▶ [What needs to be done] Only the lines with the string "frame" are needed; return each of them from the entries below.

[Saved entries]

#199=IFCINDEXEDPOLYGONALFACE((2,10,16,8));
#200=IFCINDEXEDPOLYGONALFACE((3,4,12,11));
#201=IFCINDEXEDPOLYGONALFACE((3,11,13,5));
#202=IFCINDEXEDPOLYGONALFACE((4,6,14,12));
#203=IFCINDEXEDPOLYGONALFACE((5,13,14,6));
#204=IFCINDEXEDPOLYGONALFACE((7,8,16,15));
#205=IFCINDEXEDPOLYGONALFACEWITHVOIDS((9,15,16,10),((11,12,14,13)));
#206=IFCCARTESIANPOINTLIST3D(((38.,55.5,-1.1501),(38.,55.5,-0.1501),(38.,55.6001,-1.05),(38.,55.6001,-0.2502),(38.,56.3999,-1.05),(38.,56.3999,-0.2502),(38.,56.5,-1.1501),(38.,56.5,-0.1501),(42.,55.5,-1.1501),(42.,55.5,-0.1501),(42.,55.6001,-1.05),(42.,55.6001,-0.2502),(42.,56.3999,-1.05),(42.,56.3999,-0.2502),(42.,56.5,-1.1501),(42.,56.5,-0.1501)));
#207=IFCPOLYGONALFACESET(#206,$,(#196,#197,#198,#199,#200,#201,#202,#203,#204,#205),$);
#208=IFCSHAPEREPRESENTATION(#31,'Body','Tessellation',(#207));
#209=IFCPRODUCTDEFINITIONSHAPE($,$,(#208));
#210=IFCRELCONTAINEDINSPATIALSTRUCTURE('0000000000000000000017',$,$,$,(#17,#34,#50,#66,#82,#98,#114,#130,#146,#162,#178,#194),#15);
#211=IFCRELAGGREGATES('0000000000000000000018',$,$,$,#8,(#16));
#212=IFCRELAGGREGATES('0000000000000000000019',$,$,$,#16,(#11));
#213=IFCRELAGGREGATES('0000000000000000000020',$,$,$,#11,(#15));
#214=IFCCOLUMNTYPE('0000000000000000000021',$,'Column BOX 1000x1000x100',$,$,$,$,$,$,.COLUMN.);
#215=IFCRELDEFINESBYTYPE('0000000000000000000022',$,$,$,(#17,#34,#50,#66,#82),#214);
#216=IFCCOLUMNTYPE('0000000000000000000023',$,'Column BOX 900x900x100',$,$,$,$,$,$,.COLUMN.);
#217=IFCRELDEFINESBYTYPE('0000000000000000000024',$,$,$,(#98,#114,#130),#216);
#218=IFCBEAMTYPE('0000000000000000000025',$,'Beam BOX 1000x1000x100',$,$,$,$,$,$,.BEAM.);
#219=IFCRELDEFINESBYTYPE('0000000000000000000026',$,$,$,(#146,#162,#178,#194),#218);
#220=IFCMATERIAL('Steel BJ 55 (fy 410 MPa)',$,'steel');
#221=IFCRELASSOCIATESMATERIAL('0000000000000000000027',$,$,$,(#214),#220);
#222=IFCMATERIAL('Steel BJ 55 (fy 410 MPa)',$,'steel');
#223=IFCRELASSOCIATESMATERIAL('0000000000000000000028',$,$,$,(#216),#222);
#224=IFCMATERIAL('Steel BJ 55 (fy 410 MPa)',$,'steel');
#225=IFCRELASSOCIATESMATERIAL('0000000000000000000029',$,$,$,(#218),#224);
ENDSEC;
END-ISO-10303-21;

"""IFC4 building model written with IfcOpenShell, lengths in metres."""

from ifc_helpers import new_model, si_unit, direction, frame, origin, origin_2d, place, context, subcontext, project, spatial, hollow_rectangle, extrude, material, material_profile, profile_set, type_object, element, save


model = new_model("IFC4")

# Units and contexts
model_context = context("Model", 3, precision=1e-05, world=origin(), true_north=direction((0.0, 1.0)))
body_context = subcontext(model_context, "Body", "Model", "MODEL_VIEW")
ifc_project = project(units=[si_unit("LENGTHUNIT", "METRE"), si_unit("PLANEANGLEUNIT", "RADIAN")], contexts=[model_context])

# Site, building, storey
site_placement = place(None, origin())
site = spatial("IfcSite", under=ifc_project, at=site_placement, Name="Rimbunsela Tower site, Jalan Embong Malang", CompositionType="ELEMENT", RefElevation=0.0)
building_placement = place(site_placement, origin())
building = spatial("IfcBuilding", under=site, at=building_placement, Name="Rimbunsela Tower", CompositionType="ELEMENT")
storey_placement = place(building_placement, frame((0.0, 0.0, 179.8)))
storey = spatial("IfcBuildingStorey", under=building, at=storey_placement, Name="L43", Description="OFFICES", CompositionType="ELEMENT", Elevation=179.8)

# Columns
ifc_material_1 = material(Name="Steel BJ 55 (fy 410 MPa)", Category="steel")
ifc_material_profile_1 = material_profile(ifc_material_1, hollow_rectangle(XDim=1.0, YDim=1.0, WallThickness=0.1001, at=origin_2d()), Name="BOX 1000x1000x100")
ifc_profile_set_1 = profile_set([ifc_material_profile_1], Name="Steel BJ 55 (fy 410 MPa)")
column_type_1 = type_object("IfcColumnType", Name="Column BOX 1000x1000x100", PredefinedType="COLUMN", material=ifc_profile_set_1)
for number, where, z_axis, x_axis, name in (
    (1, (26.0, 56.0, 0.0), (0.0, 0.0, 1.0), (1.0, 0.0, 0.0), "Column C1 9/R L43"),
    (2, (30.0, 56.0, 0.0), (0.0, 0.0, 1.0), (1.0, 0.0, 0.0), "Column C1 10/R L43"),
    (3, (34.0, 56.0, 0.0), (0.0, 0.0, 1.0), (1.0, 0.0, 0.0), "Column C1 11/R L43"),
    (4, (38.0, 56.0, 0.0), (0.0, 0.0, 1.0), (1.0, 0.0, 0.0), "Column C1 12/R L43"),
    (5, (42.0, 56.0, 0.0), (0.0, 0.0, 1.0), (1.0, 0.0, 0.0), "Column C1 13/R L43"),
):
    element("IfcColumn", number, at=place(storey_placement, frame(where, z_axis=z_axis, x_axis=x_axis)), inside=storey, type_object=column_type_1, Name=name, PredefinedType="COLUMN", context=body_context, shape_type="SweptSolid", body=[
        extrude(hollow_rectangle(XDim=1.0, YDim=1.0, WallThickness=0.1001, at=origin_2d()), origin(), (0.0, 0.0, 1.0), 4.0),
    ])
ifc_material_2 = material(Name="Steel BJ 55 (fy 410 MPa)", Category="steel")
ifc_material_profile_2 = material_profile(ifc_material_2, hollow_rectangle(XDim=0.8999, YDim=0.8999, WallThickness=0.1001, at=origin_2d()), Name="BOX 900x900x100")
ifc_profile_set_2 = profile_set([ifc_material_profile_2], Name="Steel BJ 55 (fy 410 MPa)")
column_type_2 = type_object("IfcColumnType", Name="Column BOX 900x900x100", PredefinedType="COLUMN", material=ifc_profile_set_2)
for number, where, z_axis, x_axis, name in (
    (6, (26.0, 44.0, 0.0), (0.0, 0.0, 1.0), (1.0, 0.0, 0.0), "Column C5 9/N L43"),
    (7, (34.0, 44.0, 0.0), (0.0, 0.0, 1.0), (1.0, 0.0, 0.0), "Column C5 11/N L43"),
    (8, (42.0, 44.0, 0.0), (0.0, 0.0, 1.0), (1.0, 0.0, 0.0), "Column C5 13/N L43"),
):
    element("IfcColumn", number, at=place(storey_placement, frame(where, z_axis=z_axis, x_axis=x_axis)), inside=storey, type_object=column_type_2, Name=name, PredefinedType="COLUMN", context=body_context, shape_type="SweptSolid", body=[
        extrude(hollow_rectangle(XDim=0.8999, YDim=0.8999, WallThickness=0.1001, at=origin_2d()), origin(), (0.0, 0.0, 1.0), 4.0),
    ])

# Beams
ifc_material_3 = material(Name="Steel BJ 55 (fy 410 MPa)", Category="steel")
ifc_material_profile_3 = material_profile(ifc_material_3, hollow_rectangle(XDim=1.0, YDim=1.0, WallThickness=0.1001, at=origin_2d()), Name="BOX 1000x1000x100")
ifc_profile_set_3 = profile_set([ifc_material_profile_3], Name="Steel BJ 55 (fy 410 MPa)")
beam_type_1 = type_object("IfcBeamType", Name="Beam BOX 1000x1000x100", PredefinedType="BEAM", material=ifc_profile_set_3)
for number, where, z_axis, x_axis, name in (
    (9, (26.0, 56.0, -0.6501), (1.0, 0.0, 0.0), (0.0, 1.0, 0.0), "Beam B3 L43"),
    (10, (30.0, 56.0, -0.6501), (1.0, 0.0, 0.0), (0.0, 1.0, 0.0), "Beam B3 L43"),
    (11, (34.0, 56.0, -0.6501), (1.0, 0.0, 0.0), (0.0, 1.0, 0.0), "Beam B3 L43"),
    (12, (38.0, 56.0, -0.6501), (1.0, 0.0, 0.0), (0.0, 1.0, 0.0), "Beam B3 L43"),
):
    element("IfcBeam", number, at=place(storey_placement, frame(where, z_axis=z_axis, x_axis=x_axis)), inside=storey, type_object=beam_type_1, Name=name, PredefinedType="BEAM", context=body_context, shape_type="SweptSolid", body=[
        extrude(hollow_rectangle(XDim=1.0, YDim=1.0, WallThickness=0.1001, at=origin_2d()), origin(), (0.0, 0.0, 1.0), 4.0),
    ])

▶ [Response to this exercise]
from ifc_helpers import new_model, si_unit, direction, frame, origin, origin_2d, place, context, subcontext, project, spatial, hollow_rectangle, extrude, material, material_profile, profile_set, type_object, element, save
storey_placement = place(building_placement, frame((0.0, 0.0, 179.8)))
    element("IfcColumn", number, at=place(storey_placement, frame(where, z_axis=z_axis, x_axis=x_axis)), inside=storey, type_object=column_type_1, Name=name, PredefinedType="COLUMN", context=body_context, shape_type="SweptSolid", body=[
    element("IfcColumn", number, at=place(storey_placement, frame(where, z_axis=z_axis, x_axis=x_axis)), inside=storey, type_object=column_type_2, Name=name, PredefinedType="COLUMN", context=body_context, shape_type="SweptSolid", body=[
    element("IfcBeam", number, at=place(storey_placement, frame(where, z_axis=z_axis, x_axis=x_axis)), inside=storey, type_object=beam_type_1, Name=name, PredefinedType="BEAM", context=body_context, shape_type="SweptSolid", body=[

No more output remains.